_WORK ORDER:_ Please repeat exactly the lines below from the one containing "frame((0.0, 0.0, 271.0)))" down to the one containing "ST-W1 stair handrail", both included, and nothing else.

_Collected data entries:_
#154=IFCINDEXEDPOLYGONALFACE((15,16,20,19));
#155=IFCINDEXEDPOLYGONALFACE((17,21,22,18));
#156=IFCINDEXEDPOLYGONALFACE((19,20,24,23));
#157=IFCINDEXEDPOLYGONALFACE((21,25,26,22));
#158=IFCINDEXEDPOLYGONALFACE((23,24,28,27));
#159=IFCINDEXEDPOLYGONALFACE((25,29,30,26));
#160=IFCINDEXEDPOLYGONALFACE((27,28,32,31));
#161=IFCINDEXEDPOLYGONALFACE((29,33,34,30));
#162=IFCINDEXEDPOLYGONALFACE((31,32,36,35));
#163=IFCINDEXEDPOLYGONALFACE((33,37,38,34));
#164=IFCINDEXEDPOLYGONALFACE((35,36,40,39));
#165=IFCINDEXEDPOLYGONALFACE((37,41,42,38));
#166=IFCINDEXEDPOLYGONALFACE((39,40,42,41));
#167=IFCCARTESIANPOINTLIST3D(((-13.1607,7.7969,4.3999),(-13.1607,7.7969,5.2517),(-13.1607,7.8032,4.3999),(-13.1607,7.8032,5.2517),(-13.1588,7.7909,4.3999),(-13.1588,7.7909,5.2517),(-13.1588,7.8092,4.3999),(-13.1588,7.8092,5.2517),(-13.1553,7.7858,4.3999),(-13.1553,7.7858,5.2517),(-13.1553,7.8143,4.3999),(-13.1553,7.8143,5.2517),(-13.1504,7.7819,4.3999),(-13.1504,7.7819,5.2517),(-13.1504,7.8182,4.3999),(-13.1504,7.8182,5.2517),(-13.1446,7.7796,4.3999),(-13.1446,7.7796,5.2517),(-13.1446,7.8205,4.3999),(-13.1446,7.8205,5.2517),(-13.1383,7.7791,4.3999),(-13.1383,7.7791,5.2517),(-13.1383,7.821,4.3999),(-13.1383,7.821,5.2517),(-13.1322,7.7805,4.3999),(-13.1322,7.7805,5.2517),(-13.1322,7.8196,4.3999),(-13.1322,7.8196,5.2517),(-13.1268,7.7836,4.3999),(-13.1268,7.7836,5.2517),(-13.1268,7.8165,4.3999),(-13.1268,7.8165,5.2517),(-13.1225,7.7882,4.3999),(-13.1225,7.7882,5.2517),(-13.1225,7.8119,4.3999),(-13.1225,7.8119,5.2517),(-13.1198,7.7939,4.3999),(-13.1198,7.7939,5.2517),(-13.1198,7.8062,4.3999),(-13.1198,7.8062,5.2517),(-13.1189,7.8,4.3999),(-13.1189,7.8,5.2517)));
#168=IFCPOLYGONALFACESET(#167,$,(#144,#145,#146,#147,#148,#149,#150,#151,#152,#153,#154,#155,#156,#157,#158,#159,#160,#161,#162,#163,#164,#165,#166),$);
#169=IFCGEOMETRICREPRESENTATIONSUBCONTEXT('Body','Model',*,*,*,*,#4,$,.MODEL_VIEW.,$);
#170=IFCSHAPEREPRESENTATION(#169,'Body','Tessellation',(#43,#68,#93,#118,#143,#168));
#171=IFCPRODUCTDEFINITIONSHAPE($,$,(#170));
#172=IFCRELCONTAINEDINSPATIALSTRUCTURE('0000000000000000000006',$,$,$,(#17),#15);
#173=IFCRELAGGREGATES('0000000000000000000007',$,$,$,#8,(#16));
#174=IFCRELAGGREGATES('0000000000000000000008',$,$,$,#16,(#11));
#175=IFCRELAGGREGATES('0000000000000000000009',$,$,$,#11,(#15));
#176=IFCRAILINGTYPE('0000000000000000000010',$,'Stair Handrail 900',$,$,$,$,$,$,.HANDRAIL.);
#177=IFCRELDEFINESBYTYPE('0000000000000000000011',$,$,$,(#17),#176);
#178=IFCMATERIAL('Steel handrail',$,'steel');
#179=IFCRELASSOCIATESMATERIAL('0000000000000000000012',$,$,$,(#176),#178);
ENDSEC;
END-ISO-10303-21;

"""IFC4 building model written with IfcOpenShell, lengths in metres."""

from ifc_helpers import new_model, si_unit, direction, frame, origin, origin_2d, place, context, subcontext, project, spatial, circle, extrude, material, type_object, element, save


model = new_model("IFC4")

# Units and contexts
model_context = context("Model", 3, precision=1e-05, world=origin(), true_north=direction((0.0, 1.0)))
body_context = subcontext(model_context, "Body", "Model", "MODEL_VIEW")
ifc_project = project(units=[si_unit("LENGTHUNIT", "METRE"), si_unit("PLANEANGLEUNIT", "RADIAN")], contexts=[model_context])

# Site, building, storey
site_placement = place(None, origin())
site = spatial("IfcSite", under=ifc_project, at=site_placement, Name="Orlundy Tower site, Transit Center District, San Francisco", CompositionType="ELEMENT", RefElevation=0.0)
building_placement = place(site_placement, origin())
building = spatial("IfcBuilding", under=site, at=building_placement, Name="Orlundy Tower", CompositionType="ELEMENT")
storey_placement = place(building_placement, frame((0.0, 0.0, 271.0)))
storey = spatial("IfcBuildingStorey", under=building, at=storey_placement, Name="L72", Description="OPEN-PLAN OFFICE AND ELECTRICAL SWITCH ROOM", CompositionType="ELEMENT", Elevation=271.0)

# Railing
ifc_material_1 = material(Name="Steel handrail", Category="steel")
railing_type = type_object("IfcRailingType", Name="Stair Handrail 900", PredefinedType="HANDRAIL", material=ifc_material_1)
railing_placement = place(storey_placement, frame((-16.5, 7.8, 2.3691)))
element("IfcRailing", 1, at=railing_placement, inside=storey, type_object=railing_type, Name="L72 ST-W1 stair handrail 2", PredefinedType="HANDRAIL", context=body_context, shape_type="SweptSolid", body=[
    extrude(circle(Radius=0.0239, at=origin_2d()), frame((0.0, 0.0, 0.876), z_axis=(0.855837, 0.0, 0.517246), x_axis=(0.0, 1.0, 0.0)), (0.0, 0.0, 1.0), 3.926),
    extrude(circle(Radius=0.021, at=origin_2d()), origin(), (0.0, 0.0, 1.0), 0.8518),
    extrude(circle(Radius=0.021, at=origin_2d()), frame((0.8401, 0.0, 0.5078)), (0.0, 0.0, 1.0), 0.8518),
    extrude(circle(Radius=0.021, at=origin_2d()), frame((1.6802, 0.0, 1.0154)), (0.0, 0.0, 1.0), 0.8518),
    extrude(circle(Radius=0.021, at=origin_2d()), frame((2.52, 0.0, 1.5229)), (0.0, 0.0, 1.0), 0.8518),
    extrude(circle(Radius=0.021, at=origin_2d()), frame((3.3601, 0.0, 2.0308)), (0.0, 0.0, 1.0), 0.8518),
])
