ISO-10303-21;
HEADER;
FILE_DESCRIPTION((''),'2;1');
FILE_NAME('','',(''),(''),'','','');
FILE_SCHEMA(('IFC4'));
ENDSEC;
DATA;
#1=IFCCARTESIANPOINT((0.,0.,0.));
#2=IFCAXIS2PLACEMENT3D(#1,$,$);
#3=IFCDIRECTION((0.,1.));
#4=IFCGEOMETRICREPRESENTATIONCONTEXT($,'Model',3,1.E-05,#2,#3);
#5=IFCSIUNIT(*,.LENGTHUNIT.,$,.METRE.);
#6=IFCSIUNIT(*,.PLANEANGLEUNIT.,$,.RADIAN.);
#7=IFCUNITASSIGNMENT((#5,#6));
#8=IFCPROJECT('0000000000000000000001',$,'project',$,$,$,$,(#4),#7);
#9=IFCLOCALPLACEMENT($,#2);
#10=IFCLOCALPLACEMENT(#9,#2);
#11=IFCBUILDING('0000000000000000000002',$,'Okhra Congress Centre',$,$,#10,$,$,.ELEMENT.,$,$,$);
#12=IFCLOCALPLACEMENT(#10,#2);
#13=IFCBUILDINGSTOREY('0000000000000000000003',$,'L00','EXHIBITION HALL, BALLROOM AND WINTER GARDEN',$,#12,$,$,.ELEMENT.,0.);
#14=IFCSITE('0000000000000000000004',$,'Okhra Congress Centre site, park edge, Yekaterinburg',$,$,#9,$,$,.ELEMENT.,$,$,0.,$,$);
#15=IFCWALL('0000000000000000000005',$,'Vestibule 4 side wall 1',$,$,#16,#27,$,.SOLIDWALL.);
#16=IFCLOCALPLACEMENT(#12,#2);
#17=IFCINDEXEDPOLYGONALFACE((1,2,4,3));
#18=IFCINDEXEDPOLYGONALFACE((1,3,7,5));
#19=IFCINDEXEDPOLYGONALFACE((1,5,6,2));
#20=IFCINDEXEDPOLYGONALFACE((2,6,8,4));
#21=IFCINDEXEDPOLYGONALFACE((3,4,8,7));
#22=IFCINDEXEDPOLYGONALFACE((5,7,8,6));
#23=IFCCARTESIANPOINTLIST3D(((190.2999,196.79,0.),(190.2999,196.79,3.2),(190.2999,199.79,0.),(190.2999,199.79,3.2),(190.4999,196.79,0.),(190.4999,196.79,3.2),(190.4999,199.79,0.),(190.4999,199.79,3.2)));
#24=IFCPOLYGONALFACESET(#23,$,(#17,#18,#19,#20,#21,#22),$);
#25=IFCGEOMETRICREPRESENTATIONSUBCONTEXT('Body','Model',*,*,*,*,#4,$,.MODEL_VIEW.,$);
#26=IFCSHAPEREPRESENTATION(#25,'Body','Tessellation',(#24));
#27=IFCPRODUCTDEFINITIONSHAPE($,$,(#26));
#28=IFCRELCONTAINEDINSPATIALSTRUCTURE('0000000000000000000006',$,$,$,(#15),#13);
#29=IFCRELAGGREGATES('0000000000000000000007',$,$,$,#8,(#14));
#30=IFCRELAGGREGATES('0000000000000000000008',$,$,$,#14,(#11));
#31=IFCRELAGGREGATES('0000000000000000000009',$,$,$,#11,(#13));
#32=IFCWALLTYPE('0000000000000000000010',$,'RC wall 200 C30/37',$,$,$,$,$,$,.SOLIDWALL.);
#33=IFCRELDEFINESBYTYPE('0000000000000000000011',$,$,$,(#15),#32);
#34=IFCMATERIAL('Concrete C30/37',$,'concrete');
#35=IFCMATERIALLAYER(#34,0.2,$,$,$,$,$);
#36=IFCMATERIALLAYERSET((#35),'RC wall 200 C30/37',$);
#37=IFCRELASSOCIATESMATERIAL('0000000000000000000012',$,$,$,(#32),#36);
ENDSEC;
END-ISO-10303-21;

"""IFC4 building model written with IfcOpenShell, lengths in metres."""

from ifc_helpers import new_model, si_unit, direction, frame, frame_2d, origin, place, context, subcontext, project, spatial, rectangle, extrude, material, layer, layer_set, type_object, element, save


model = new_model("IFC4")

# Units and contexts
model_context = context("Model", 3, precision=1e-05, world=origin(), true_north=direction((0.0, 1.0)))
body_context = subcontext(model_context, "Body", "Model", "MODEL_VIEW")
ifc_project = project(units=[si_unit("LENGTHUNIT", "METRE"), si_unit("PLANEANGLEUNIT", "RADIAN")], contexts=[model_context])

# Site, building, storey
site_placement = place(None, origin())
site = spatial("IfcSite", under=ifc_project, at=site_placement, Name="Okhra Congress Centre site, park edge, Yekaterinburg", CompositionType="ELEMENT", RefElevation=0.0)
building_placement = place(site_placement, origin())
building = spatial("IfcBuilding", under=site, at=building_placement, Name="Okhra Congress Centre", CompositionType="ELEMENT")
storey_placement = place(building_placement, origin())
storey = spatial("IfcBuildingStorey", under=building, at=storey_placement, Name="L00", Description="EXHIBITION HALL, BALLROOM AND WINTER GARDEN", CompositionType="ELEMENT", Elevation=0.0)

# Shared definitions
ifc_material_1 = material(Name="Concrete C30/37", Category="concrete")

# Wall
ifc_layer_1 = layer(ifc_material_1, 0.2)
ifc_layer_set_1 = layer_set([ifc_layer_1], Name="RC wall 200 C30/37")
wall_type_1 = type_object("IfcWallType", Name="RC wall 200 C30/37", PredefinedType="SOLIDWALL", material=ifc_layer_set_1)
wall_1_placement = place(storey_placement, frame((190.3999, 199.79, 0.0), z_axis=(0.0, 0.0, 1.0), x_axis=(0.0, -1.0, 0.0)))
element("IfcWall", 1, at=wall_1_placement, inside=storey, type_object=wall_type_1, Name="Vestibule 4 side wall 1", PredefinedType="SOLIDWALL", context=body_context, shape_type="SweptSolid", body=[
    extrude(rectangle(XDim=3.0, YDim=0.2, at=frame_2d((1.5, 0.0))), origin(), (0.0, 0.0, 1.0), 3.2),
])

save(model, "model.ifc")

_TASK OUTPUT:_
storey_placement = place(building_placement, frame((0.0, 0.0, 271.0)))
storey = spatial("IfcBuildingStorey", under=building, at=storey_placement, Name="L72", Description="OPEN-PLAN OFFICE AND ELECTRICAL SWITCH ROOM", CompositionType="ELEMENT", Elevation=271.0)

# Railing
ifc_material_1 = material(Name="Steel handrail", Category="steel")
railing_type = type_object("IfcRailingType", Name="Stair Handrail 900", PredefinedType="HANDRAIL", material=ifc_material_1)
railing_placement = place(storey_placement, frame((-16.5, 7.8, 2.3691)))
element("IfcRailing", 1, at=railing_placement, inside=storey, type_object=railing_type, Name="L72 ST-W1 stair handrail 2", PredefinedType="HANDRAIL", context=body_context, shape_type="SweptSolid", body=[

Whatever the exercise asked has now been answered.